Only the lines below from the one containing "#29=IFCINDEXEDPOLYGONALFACE((3,4,6));" to the one containing "#45=IFCPOLYGONALFACESET(#44,$,(#39,#40,#41,#42,#43),$);" should be repeated, both included and unchanged.

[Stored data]
____________________

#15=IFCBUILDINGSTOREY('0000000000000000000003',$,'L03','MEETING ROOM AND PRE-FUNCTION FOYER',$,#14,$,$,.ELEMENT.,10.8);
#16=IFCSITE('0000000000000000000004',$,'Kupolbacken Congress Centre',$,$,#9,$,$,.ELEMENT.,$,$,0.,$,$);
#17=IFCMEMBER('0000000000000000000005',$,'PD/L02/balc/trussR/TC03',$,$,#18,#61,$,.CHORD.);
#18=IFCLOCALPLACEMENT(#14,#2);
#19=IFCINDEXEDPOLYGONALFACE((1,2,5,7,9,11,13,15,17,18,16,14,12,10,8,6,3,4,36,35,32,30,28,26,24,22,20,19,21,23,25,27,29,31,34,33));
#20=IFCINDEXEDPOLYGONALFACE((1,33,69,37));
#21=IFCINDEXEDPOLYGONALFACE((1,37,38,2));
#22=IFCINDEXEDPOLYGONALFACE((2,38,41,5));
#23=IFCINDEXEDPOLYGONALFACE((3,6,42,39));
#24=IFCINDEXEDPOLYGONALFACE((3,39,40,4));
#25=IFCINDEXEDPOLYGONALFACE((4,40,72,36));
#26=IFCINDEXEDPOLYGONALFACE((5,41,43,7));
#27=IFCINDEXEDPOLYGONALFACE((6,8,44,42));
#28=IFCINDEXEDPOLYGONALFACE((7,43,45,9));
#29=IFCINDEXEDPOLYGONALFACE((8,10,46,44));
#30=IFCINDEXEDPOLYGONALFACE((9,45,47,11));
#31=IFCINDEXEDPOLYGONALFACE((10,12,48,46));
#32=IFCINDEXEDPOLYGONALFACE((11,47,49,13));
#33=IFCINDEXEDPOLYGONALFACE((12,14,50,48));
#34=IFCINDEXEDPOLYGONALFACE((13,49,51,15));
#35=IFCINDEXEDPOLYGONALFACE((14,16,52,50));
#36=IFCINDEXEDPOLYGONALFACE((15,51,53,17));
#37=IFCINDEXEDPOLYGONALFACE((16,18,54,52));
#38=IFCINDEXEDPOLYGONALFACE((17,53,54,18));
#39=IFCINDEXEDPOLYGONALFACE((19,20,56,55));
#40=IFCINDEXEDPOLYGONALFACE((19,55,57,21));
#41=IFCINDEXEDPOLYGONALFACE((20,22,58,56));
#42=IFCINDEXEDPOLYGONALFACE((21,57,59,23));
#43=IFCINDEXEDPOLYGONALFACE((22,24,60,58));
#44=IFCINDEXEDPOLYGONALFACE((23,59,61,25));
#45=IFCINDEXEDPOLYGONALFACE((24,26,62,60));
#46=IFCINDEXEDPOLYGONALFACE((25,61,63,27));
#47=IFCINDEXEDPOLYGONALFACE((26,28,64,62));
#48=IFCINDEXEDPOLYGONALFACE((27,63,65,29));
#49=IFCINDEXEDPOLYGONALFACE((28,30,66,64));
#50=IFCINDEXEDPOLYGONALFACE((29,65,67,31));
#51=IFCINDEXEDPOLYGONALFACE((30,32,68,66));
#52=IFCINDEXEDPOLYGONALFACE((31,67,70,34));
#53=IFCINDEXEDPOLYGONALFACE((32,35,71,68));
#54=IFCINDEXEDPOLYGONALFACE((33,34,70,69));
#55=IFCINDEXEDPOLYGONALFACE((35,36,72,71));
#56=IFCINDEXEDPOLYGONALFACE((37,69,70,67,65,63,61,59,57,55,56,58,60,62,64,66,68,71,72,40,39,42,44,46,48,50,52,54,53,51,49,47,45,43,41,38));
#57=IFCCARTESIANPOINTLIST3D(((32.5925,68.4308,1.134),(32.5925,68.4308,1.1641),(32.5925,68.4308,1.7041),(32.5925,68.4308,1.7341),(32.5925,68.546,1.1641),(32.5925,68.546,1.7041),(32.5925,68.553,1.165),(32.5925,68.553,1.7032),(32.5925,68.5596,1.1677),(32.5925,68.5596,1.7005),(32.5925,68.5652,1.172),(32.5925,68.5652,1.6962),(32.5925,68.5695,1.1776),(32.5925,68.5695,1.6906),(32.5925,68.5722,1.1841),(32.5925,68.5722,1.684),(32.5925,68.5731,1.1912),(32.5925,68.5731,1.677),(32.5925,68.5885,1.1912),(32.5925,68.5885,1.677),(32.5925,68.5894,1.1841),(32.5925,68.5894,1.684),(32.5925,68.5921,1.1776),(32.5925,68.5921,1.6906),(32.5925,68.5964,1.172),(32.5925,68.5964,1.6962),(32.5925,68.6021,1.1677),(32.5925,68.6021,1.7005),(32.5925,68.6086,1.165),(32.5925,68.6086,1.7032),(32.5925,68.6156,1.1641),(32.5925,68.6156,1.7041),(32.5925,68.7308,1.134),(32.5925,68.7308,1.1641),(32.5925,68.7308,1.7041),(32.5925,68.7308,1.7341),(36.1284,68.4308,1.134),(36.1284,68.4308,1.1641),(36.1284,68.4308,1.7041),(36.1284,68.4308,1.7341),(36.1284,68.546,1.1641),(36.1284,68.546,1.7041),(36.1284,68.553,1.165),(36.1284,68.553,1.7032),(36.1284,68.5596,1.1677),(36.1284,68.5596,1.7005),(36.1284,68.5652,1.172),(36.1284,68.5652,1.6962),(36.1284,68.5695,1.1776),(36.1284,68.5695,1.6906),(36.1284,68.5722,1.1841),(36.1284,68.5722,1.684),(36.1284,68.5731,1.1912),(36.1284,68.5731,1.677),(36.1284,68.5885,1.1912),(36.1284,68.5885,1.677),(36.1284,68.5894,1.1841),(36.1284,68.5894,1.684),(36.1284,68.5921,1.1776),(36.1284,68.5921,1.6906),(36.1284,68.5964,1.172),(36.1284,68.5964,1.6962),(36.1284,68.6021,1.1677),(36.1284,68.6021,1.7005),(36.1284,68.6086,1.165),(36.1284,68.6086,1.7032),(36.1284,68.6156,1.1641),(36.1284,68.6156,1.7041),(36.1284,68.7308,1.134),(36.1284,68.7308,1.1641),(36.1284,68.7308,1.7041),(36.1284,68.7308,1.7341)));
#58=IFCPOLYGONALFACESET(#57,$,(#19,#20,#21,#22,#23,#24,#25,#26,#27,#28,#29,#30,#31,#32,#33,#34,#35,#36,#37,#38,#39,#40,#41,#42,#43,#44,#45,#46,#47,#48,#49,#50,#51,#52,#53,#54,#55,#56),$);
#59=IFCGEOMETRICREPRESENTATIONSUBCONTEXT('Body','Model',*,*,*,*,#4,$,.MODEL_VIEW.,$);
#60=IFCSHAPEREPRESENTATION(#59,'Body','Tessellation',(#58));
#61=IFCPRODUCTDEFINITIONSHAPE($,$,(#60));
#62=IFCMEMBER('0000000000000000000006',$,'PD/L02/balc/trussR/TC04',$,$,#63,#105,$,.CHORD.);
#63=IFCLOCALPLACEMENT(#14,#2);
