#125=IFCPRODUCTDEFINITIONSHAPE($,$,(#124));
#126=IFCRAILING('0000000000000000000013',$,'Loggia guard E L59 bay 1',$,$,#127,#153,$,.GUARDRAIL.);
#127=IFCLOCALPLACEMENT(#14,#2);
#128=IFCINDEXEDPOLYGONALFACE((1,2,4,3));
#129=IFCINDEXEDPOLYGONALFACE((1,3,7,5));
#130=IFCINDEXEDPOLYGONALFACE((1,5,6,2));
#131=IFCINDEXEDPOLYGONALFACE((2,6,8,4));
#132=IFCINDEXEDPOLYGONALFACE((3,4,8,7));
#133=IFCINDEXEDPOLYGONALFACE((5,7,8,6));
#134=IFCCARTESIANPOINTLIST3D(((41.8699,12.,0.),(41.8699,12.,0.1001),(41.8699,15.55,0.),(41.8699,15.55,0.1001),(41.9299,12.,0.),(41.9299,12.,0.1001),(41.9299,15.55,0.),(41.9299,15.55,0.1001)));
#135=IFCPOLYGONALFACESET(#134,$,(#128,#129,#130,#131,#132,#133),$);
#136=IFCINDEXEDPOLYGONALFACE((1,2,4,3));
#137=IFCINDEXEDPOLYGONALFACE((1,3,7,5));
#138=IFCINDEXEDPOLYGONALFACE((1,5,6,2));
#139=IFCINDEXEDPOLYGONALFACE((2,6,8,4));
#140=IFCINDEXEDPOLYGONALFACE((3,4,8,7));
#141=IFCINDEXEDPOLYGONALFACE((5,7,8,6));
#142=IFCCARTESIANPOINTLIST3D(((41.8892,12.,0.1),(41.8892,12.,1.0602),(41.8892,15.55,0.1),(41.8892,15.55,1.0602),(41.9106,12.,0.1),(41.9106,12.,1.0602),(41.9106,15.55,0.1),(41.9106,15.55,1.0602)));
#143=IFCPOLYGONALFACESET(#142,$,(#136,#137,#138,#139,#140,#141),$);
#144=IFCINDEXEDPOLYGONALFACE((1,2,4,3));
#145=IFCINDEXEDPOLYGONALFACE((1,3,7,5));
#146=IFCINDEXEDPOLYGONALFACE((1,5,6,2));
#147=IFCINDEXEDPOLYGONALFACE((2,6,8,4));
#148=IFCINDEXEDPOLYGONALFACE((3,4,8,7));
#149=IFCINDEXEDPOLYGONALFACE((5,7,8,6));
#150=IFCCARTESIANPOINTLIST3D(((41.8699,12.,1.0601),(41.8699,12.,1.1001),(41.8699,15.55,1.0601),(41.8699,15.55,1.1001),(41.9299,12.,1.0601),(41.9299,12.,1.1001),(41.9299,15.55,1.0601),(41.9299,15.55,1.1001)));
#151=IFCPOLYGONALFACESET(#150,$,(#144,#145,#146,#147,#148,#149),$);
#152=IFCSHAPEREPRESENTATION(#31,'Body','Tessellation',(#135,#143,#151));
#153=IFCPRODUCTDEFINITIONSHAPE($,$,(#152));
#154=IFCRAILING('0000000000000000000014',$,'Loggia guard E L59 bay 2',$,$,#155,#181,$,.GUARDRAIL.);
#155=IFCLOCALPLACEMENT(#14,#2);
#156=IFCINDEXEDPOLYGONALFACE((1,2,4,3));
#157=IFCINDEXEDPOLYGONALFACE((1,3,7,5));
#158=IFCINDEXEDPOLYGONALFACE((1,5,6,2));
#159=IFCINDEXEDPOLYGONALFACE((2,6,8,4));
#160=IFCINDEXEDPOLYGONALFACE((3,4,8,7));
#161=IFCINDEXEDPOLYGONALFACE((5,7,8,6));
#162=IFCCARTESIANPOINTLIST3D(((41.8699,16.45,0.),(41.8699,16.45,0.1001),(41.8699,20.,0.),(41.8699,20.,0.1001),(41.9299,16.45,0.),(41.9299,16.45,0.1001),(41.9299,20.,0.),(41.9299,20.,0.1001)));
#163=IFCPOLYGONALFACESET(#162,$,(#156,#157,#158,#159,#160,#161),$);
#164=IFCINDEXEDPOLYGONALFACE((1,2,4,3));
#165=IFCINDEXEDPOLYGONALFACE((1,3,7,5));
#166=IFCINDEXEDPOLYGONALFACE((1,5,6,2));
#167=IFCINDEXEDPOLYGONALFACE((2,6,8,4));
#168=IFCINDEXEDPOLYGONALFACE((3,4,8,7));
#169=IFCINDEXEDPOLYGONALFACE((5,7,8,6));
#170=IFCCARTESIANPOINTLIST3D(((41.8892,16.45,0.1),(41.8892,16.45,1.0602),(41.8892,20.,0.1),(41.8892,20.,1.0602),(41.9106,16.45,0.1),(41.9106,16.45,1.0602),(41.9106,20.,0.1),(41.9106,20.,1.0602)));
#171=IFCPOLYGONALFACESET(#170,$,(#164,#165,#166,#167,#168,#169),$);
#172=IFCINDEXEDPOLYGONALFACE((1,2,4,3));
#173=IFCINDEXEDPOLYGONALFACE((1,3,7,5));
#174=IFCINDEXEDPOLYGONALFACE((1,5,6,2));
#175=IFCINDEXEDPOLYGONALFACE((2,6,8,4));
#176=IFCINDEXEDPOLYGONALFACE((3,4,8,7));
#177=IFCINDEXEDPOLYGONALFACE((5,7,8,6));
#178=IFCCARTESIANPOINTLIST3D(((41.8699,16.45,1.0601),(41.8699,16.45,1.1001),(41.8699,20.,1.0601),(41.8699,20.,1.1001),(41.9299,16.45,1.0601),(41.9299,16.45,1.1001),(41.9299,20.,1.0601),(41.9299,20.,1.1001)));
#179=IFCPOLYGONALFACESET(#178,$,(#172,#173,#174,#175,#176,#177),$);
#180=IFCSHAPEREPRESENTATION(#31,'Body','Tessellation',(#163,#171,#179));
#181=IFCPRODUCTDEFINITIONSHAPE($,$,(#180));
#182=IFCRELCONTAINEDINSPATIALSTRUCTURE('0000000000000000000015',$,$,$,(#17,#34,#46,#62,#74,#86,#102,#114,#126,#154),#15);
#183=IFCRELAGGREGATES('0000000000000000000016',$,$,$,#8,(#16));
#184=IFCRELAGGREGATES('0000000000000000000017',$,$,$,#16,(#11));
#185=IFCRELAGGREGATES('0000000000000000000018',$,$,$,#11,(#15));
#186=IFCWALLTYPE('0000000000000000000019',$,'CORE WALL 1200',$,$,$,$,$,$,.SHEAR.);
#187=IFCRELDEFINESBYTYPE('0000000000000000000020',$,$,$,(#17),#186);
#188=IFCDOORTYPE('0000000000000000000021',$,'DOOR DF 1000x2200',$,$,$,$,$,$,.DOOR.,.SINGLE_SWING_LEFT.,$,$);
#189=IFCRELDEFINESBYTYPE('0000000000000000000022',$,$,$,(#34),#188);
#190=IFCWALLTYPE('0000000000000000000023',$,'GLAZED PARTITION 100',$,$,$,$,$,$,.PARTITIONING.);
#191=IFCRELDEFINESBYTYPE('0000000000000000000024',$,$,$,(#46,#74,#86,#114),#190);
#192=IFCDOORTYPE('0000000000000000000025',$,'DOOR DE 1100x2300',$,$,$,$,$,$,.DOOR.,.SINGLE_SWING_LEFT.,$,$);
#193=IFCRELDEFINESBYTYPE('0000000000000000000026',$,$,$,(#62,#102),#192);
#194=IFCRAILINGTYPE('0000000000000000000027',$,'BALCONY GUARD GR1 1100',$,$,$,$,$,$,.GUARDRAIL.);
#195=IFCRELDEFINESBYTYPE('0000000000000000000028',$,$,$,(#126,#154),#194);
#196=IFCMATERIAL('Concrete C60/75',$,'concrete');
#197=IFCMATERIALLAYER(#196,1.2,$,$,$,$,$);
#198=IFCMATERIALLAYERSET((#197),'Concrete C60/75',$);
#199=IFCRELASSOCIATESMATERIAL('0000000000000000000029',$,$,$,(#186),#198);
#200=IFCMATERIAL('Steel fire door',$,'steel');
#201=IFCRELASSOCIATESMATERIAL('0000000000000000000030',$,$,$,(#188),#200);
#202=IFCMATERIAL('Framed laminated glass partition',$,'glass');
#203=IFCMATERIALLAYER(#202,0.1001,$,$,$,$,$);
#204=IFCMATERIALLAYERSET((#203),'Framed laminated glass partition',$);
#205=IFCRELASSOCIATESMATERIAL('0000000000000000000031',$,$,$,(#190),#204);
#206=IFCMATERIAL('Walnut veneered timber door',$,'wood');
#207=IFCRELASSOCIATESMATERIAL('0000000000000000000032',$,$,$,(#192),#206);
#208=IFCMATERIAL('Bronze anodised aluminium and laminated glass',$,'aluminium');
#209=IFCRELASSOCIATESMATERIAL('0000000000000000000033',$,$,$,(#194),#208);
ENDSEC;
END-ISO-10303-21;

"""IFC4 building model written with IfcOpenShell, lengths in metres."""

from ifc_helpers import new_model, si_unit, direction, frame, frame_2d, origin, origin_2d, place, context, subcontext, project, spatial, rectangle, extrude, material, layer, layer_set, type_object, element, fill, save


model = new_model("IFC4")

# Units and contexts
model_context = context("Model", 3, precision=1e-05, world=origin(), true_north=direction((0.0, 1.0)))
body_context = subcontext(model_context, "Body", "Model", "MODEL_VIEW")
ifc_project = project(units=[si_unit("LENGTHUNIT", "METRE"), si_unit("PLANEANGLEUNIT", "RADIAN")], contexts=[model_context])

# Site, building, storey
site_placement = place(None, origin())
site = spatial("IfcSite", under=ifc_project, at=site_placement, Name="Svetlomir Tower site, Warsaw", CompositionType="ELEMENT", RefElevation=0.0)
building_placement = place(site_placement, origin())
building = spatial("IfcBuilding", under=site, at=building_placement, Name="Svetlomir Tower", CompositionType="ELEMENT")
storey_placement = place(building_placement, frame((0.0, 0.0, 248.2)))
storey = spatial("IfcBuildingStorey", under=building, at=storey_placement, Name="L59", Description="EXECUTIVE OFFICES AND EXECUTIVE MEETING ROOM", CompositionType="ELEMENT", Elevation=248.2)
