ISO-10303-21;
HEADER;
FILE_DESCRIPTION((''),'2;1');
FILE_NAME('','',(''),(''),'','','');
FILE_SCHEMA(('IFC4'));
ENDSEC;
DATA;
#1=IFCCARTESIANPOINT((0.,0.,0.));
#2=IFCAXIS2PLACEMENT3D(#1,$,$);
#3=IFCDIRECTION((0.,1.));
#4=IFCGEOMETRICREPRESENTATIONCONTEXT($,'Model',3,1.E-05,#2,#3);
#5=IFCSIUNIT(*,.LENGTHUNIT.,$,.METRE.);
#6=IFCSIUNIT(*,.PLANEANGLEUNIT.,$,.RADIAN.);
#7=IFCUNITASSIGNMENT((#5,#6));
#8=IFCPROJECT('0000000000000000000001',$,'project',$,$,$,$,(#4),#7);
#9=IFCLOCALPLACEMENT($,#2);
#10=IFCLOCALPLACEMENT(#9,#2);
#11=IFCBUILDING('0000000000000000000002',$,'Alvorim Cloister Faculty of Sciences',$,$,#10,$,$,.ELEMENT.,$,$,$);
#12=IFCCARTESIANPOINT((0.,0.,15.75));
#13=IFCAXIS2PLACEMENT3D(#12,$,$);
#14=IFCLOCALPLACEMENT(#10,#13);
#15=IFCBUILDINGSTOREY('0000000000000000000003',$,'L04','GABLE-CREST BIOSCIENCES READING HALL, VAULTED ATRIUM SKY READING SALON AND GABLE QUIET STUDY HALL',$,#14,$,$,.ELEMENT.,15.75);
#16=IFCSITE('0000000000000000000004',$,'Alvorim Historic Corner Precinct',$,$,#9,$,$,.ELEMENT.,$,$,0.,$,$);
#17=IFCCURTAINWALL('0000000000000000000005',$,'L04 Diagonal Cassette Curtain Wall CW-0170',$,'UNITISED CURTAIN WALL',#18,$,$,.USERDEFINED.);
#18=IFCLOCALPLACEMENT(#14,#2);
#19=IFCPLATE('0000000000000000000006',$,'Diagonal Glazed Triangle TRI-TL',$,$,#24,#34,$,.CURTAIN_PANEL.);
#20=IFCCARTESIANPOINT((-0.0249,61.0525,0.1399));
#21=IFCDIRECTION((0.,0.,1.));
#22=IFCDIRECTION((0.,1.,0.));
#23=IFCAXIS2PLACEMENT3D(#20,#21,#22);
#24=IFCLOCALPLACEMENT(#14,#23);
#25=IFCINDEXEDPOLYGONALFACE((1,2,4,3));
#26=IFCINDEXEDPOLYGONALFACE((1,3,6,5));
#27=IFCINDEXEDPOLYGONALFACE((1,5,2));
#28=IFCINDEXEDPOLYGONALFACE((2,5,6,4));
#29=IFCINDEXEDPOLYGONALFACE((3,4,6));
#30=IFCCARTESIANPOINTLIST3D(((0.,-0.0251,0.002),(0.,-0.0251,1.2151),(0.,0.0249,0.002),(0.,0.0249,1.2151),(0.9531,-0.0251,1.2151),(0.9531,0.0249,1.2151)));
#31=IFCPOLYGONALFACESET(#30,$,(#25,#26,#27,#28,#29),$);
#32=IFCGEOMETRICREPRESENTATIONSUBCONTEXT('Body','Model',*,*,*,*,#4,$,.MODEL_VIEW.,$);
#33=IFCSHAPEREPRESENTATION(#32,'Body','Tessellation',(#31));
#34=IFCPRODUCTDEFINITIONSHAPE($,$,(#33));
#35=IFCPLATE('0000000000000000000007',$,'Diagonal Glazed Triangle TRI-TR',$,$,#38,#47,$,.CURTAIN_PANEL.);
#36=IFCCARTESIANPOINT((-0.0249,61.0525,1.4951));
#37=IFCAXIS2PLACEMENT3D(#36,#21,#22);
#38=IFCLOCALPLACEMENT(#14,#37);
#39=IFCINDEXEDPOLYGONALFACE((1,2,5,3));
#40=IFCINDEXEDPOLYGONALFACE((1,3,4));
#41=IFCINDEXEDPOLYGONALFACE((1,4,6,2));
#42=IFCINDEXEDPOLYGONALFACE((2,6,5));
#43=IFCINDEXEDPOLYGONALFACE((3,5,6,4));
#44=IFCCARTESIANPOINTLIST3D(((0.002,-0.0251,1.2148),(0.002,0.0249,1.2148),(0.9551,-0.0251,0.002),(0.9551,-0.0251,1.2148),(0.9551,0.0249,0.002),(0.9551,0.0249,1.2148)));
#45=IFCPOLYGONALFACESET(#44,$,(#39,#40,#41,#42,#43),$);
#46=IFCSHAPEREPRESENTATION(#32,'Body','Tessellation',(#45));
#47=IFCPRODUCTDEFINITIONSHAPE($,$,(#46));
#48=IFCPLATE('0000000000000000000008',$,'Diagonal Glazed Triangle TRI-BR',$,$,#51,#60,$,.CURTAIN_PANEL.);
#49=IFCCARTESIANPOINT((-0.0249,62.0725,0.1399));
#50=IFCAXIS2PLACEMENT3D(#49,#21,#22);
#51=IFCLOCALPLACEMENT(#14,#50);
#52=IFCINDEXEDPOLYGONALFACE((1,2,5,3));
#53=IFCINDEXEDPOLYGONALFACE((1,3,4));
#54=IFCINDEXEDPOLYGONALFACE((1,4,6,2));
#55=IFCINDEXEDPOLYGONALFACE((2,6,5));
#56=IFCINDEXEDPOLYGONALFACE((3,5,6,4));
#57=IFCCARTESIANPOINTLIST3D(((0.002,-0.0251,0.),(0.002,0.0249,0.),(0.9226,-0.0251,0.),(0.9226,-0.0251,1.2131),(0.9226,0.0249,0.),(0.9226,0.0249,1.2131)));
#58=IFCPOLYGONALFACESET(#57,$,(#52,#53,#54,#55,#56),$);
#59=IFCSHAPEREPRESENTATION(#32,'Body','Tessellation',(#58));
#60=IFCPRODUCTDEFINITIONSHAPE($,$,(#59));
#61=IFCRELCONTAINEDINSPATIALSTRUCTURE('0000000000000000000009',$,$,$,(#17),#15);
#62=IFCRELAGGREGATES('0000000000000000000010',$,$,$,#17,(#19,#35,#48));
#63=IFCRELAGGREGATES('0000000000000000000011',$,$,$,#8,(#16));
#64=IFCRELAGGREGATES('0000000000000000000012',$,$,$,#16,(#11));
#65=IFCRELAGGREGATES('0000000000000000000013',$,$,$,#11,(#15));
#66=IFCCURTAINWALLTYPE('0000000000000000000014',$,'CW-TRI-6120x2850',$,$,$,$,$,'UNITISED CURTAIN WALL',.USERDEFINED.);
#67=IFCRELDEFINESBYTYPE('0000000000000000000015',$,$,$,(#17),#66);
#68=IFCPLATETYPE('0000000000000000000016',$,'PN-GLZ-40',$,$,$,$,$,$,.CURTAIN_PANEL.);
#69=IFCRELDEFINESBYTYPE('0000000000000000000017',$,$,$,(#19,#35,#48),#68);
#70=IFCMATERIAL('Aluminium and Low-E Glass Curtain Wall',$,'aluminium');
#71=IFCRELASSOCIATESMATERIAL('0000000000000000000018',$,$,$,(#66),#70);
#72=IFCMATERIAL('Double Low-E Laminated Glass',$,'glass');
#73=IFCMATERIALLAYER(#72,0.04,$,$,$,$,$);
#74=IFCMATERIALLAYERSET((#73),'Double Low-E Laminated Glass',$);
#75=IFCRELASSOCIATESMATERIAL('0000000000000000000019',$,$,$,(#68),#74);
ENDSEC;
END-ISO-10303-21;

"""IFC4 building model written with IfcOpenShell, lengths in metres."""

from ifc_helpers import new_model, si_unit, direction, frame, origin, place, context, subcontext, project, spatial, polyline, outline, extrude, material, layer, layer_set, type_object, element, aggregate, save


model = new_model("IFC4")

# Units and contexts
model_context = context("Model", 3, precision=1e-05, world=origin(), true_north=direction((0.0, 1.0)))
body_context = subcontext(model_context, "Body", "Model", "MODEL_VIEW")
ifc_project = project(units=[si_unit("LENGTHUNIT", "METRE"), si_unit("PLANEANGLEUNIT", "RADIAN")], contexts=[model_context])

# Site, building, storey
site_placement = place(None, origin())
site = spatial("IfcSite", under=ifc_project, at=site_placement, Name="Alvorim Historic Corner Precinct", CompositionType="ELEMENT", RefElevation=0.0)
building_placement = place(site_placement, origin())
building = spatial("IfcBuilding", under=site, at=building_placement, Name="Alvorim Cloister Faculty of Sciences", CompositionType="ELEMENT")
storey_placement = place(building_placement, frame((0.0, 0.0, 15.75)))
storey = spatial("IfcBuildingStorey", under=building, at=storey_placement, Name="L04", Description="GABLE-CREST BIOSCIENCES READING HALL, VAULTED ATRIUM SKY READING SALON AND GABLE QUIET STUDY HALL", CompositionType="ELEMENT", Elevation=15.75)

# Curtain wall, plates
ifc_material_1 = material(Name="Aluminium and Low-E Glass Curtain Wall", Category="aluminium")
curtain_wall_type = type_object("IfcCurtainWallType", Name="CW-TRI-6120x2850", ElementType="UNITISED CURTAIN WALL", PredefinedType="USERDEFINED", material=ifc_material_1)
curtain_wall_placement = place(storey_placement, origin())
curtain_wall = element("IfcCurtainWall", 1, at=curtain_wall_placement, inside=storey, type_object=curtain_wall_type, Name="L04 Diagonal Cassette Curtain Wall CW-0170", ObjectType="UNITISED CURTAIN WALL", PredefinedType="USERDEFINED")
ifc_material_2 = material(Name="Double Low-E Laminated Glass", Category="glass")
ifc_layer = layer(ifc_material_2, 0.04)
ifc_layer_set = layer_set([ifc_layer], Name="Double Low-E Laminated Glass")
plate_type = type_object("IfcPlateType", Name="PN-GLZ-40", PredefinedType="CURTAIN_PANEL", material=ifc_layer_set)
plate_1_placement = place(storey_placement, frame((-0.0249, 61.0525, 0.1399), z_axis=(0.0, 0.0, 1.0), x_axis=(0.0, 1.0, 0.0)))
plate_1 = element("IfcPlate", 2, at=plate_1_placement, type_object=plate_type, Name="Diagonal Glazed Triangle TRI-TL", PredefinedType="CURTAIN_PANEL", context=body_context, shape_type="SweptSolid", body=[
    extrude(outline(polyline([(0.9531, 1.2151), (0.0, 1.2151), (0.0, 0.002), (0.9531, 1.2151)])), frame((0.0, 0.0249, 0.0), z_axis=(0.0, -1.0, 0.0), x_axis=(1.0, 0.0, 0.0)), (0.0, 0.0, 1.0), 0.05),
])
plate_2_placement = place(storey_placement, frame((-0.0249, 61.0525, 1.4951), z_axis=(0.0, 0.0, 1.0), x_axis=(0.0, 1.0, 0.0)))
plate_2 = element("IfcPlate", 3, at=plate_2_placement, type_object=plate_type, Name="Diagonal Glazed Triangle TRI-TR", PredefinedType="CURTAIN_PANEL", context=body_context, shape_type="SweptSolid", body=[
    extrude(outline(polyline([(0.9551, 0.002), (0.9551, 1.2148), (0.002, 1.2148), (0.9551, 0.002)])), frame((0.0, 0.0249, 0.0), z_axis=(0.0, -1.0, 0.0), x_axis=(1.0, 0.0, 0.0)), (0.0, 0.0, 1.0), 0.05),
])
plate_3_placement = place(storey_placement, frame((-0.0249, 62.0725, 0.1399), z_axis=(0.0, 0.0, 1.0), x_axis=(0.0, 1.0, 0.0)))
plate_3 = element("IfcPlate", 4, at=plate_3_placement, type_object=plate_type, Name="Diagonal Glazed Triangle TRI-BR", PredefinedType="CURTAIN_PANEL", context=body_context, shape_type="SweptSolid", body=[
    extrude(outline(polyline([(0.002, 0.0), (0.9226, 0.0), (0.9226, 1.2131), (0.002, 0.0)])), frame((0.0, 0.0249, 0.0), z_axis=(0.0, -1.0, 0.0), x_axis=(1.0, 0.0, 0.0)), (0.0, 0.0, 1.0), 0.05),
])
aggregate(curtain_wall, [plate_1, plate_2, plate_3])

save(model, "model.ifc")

____________________

Your solution |
#29=IFCINDEXEDPOLYGONALFACE((3,4,6));
#30=IFCCARTESIANPOINTLIST3D(((0.,-0.0251,0.002),(0.,-0.0251,1.2151),(0.,0.0249,0.002),(0.,0.0249,1.2151),(0.9531,-0.0251,1.2151),(0.9531,0.0249,1.2151)));
#31=IFCPOLYGONALFACESET(#30,$,(#25,#26,#27,#28,#29),$);
#32=IFCGEOMETRICREPRESENTATIONSUBCONTEXT('Body','Model',*,*,*,*,#4,$,.MODEL_VIEW.,$);
#33=IFCSHAPEREPRESENTATION(#32,'Body','Tessellation',(#31));
#34=IFCPRODUCTDEFINITIONSHAPE($,$,(#33));
#35=IFCPLATE('0000000000000000000007',$,'Diagonal Glazed Triangle TRI-TR',$,$,#38,#47,$,.CURTAIN_PANEL.);
#36=IFCCARTESIANPOINT((-0.0249,61.0525,1.4951));
#37=IFCAXIS2PLACEMENT3D(#36,#21,#22);
#38=IFCLOCALPLACEMENT(#14,#37);
#39=IFCINDEXEDPOLYGONALFACE((1,2,5,3));
#40=IFCINDEXEDPOLYGONALFACE((1,3,4));
#41=IFCINDEXEDPOLYGONALFACE((1,4,6,2));
#42=IFCINDEXEDPOLYGONALFACE((2,6,5));
#43=IFCINDEXEDPOLYGONALFACE((3,5,6,4));
#44=IFCCARTESIANPOINTLIST3D(((0.002,-0.0251,1.2148),(0.002,0.0249,1.2148),(0.9551,-0.0251,0.002),(0.9551,-0.0251,1.2148),(0.9551,0.0249,0.002),(0.9551,0.0249,1.2148)));
#45=IFCPOLYGONALFACESET(#44,$,(#39,#40,#41,#42,#43),$);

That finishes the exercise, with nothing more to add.